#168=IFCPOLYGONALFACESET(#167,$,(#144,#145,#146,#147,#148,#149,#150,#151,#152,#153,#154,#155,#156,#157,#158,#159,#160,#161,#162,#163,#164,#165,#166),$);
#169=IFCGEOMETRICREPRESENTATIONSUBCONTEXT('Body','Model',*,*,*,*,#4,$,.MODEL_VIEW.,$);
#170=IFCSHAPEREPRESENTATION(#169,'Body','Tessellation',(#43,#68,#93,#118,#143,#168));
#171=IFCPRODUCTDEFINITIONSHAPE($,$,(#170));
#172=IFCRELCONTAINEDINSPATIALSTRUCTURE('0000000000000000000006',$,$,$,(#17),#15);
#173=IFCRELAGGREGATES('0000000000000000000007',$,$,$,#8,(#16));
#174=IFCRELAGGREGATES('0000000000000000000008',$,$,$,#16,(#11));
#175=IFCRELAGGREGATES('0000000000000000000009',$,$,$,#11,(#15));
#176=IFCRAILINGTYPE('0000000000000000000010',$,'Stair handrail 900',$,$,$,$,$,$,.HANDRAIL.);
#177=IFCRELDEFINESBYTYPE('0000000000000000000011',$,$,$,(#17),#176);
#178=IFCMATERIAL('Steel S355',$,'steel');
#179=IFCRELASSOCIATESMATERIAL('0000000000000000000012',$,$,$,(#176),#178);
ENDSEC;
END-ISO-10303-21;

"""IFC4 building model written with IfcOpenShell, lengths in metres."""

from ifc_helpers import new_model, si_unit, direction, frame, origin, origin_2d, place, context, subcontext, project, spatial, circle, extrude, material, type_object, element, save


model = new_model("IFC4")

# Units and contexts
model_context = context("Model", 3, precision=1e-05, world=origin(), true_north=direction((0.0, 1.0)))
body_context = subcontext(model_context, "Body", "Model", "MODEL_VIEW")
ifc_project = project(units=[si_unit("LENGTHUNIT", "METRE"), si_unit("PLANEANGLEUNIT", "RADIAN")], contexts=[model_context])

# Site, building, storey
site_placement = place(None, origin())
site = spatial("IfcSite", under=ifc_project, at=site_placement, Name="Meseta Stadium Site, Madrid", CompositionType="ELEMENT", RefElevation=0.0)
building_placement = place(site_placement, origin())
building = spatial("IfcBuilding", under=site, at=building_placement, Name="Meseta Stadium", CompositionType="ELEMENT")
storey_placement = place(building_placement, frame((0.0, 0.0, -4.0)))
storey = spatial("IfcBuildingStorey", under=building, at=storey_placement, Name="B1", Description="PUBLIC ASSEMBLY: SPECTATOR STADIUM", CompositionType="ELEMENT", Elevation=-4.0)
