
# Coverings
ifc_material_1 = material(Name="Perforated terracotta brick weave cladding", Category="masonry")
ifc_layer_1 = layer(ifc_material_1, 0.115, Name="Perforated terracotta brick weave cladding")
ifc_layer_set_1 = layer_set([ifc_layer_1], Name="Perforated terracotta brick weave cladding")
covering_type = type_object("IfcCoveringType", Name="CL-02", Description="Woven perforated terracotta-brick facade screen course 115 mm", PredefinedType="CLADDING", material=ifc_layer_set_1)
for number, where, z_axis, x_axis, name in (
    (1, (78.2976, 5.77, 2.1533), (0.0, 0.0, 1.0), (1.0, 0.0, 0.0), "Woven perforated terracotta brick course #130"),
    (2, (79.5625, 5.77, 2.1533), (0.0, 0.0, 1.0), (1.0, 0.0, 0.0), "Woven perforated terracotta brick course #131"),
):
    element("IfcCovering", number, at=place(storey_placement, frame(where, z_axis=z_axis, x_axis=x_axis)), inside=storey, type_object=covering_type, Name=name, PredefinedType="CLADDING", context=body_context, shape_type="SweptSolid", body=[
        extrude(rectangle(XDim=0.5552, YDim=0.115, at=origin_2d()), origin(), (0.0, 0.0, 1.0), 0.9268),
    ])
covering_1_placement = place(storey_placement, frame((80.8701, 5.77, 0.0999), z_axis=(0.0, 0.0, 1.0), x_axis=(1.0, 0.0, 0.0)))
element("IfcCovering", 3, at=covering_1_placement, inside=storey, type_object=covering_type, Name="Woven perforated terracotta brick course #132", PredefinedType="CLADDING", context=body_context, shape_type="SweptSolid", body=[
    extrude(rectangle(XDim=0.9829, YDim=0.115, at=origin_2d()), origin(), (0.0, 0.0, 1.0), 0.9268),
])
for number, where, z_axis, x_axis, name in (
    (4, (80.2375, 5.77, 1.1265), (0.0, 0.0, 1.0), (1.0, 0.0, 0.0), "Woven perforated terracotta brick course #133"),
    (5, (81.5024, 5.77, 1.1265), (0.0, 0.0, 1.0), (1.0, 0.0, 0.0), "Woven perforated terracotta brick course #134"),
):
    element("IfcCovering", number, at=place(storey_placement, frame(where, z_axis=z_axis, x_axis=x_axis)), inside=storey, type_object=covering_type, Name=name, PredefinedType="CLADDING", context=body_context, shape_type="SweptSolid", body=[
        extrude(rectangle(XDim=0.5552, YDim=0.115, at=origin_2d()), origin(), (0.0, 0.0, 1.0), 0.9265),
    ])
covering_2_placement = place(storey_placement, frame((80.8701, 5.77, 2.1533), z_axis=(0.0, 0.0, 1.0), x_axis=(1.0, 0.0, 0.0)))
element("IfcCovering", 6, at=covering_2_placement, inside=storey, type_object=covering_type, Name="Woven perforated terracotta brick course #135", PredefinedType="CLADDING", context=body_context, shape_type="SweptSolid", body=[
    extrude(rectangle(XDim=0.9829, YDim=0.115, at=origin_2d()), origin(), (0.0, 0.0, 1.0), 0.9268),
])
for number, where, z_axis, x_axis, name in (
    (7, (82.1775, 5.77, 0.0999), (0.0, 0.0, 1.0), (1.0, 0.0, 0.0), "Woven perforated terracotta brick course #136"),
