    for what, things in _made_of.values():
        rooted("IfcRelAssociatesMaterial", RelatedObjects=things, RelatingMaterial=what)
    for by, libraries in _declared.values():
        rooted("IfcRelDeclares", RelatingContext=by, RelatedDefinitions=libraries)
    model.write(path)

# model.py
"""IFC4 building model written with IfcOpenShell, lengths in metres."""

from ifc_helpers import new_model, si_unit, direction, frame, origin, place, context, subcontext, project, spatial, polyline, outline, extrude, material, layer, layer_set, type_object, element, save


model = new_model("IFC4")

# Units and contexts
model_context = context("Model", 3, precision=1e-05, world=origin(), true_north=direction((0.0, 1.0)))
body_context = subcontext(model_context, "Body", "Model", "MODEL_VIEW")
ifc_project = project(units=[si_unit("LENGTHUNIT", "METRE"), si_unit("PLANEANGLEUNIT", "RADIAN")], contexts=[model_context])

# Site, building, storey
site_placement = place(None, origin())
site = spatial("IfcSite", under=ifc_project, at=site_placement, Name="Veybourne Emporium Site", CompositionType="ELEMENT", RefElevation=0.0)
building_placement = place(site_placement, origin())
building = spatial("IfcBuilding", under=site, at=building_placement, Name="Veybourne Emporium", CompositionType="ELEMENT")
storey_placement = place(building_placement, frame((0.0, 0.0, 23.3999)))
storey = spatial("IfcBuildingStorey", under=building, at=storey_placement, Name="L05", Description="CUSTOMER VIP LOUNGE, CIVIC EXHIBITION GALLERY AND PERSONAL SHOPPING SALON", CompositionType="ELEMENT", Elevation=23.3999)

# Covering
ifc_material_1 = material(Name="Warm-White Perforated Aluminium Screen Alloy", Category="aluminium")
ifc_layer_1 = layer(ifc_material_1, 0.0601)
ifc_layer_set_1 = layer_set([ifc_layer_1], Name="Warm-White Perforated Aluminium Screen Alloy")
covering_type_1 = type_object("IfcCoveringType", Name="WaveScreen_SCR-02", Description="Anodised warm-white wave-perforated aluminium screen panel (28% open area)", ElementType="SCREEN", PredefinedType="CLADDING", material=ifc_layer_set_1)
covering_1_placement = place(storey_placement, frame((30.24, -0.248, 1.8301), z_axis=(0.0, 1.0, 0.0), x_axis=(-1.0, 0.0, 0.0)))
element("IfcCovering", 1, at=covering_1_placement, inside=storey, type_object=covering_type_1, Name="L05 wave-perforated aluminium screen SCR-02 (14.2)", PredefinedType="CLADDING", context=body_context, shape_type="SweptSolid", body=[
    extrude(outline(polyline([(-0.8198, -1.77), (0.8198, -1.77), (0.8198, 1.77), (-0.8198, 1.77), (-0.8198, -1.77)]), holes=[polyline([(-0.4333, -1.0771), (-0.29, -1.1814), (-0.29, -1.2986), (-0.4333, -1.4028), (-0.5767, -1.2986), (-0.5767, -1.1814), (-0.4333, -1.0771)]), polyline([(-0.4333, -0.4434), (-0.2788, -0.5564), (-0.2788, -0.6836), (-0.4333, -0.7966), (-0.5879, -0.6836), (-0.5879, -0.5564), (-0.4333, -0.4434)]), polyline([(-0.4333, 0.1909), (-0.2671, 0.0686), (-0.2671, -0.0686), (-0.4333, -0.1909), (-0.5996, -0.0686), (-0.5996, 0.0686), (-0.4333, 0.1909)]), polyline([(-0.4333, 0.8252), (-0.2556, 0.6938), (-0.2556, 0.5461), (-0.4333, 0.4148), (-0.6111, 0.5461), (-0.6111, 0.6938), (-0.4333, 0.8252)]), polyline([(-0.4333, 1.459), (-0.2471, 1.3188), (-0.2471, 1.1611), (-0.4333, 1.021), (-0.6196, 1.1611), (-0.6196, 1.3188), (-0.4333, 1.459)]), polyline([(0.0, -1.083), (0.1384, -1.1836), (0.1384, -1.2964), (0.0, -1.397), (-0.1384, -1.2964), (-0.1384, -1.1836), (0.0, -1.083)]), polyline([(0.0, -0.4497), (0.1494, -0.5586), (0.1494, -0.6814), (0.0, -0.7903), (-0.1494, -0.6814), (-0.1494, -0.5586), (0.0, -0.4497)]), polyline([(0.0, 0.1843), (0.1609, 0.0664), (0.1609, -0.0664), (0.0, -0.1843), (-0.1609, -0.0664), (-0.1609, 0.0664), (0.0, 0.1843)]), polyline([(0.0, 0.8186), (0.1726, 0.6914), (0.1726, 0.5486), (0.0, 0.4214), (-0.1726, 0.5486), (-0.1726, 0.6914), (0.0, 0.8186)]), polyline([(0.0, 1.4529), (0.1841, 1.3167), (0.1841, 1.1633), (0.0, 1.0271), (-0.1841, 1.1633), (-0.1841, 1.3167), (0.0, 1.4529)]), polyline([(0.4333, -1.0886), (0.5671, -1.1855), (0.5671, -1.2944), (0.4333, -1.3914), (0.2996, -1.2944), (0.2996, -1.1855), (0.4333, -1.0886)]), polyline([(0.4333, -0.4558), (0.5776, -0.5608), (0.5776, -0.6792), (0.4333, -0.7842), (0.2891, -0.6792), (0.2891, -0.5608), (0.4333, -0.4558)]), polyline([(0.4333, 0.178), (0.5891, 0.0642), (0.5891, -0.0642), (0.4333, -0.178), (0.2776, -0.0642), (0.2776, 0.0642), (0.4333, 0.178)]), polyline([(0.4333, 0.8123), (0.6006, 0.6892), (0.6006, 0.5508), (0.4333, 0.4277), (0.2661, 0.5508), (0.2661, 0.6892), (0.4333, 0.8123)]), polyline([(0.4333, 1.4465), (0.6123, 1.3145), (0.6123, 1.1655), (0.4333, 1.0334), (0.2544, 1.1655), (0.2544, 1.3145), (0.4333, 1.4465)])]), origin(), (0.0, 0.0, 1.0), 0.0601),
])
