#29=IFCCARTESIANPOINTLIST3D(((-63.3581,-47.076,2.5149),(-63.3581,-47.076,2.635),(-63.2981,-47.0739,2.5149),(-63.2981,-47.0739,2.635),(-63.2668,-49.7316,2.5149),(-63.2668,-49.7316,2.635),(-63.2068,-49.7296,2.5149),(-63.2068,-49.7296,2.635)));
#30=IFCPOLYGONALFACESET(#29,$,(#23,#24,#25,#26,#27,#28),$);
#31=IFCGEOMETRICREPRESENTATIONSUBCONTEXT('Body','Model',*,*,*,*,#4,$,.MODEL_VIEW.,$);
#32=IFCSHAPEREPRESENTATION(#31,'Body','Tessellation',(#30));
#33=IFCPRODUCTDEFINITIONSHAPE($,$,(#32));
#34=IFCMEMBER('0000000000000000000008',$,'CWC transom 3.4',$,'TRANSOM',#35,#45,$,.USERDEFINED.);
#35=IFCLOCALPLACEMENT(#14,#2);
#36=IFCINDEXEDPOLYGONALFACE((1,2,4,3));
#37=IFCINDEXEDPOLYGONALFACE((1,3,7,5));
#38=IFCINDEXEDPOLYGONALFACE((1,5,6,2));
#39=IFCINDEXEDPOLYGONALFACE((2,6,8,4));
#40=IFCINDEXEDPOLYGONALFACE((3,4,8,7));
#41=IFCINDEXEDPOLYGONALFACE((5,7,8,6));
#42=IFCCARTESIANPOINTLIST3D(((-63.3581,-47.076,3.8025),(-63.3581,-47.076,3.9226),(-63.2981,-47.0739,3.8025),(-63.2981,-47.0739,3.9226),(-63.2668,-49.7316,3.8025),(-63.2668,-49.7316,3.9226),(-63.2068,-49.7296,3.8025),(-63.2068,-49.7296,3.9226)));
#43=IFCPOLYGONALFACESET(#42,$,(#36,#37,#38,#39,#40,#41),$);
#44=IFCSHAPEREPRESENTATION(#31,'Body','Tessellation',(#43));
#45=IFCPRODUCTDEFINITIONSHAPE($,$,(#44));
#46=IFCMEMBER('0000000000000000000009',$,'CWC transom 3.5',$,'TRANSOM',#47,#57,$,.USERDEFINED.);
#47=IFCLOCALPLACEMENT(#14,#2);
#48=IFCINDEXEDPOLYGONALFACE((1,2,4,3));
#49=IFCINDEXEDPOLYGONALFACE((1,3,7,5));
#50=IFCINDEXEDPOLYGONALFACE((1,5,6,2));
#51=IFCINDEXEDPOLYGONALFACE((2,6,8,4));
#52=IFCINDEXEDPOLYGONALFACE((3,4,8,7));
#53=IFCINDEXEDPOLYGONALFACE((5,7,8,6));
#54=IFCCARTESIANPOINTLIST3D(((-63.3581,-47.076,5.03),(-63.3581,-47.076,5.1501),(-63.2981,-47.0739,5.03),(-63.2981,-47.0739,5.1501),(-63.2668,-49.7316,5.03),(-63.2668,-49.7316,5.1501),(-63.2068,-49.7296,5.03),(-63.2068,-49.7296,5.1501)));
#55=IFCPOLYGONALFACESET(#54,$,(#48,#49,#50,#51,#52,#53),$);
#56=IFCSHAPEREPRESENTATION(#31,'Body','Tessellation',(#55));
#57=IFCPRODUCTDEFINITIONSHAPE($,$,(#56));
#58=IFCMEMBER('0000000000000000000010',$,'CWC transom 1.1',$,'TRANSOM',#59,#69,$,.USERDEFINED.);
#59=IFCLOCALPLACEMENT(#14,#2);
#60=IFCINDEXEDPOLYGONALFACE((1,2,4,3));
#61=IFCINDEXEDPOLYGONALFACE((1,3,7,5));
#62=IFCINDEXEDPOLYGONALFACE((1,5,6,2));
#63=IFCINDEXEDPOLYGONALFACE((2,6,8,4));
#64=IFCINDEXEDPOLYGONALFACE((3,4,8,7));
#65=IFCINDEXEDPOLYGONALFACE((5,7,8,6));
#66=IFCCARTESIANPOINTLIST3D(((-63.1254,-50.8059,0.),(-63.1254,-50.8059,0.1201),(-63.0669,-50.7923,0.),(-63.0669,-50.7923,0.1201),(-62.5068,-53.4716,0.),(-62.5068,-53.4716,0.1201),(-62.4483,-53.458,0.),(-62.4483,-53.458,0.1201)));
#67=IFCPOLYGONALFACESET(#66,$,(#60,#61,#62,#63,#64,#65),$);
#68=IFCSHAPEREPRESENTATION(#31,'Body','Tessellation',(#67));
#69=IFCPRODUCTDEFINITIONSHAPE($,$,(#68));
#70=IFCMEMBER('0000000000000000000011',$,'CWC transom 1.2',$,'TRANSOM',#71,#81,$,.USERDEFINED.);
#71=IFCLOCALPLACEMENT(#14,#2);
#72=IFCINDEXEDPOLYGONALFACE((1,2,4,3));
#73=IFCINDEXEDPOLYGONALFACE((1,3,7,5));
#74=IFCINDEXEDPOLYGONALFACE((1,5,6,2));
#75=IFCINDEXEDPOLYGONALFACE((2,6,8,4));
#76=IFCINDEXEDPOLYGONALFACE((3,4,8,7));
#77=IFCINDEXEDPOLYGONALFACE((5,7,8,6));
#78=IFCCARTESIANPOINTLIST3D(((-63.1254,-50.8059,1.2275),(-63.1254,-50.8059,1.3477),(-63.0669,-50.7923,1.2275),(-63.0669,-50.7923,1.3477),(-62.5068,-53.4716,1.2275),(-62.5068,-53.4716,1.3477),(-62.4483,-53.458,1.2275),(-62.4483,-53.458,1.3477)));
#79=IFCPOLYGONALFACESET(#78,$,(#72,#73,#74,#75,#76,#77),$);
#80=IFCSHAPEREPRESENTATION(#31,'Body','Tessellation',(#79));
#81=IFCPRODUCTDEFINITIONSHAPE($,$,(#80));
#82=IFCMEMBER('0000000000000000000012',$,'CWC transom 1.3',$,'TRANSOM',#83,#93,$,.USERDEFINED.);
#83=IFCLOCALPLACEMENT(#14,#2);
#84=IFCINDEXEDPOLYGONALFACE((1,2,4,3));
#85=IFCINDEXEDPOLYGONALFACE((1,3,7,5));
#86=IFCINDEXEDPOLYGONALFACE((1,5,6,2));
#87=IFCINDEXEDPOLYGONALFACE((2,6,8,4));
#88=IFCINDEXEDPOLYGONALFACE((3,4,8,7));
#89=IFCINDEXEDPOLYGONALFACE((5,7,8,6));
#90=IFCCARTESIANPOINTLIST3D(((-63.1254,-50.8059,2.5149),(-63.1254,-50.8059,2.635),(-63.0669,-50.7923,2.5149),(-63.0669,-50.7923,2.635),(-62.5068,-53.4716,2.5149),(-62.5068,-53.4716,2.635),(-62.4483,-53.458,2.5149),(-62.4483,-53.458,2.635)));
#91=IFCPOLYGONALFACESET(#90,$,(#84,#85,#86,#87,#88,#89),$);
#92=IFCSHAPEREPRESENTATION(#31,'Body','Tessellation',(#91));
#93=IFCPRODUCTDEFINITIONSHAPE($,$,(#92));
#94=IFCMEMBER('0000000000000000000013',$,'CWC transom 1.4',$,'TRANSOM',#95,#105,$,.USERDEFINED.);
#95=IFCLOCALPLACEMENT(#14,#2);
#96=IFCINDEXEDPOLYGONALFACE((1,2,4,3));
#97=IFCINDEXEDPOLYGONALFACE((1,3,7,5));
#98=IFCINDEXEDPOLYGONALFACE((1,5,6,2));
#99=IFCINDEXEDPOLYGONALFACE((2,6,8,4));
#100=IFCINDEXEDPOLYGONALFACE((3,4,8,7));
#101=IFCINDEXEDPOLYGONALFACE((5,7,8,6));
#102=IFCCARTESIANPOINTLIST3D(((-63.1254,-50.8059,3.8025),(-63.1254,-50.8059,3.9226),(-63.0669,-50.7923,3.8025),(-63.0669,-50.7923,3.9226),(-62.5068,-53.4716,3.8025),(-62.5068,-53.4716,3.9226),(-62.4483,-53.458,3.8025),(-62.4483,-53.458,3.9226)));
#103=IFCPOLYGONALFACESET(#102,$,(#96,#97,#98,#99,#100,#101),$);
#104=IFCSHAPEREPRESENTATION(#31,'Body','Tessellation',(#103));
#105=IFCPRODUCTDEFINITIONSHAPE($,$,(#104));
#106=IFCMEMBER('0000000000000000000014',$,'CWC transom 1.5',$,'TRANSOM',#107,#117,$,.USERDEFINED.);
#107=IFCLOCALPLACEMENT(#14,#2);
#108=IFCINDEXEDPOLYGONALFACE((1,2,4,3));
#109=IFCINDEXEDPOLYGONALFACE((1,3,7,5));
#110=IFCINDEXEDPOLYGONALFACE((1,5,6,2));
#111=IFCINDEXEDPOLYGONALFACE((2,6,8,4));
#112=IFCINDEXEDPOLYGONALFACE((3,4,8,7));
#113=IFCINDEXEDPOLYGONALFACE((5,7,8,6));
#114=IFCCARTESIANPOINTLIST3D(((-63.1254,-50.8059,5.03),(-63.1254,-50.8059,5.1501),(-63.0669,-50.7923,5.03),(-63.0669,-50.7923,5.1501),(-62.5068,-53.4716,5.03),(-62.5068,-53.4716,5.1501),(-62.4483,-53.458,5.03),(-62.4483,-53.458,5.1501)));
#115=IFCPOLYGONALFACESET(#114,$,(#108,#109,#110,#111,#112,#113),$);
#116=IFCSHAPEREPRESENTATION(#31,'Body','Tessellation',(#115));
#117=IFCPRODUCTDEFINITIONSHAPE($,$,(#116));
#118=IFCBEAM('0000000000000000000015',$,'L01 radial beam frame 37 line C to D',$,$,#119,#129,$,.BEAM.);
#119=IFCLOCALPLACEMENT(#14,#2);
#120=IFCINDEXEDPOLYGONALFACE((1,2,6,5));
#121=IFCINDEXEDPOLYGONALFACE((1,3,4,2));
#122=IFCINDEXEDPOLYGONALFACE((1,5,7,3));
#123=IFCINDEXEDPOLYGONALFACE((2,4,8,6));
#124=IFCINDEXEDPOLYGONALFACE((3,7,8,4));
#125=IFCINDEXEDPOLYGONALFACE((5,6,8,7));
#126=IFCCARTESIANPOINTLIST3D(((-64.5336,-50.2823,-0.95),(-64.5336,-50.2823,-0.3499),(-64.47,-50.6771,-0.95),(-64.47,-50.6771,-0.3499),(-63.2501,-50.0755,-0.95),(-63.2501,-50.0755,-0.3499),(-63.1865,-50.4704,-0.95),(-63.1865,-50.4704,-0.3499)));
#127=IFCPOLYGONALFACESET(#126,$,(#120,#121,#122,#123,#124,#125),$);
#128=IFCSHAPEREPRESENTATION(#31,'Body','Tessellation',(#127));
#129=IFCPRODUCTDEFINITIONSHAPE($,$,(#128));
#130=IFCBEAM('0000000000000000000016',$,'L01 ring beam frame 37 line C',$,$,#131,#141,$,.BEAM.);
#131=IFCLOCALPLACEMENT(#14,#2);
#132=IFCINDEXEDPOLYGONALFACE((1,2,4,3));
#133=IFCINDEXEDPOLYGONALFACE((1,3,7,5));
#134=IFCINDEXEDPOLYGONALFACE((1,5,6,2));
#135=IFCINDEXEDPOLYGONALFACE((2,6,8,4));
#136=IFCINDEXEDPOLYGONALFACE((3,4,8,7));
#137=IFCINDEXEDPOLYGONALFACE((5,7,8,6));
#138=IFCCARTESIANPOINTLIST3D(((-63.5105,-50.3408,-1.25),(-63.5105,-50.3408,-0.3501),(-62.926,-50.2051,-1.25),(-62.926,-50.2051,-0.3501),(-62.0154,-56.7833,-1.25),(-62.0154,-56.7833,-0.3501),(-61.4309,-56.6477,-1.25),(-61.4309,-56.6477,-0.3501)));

## Instructions for the task
Copy out all lines from the material above that contain the string "PredefinedType".

## Task result
covering_type = type_object("IfcCoveringType", Name="CL-02", Description="Woven perforated terracotta-brick facade screen course 115 mm", PredefinedType="CLADDING", material=ifc_layer_set_1)
    element("IfcCovering", number, at=place(storey_placement, frame(where, z_axis=z_axis, x_axis=x_axis)), inside=storey, type_object=covering_type, Name=name, PredefinedType="CLADDING", context=body_context, shape_type="SweptSolid", body=[
element("IfcCovering", 3, at=covering_1_placement, inside=storey, type_object=covering_type, Name="Woven perforated terracotta brick course #132", PredefinedType="CLADDING", context=body_context, shape_type="SweptSolid", body=[
    element("IfcCovering", number, at=place(storey_placement, frame(where, z_axis=z_axis, x_axis=x_axis)), inside=storey, type_object=covering_type, Name=name, PredefinedType="CLADDING", context=body_context, shape_type="SweptSolid", body=[
element("IfcCovering", 6, at=covering_2_placement, inside=storey, type_object=covering_type, Name="Woven perforated terracotta brick course #135", PredefinedType="CLADDING", context=body_context, shape_type="SweptSolid", body=[
covering_type_1 = type_object("IfcCoveringType", Name="WaveScreen_SCR-02", Description="Anodised warm-white wave-perforated aluminium screen panel (28% open area)", ElementType="SCREEN", PredefinedType="CLADDING", material=ifc_layer_set_1)
element("IfcCovering", 1, at=covering_1_placement, inside=storey, type_object=covering_type_1, Name="L05 wave-perforated aluminium screen SCR-02 (14.2)", PredefinedType="CLADDING", context=body_context, shape_type="SweptSolid", body=[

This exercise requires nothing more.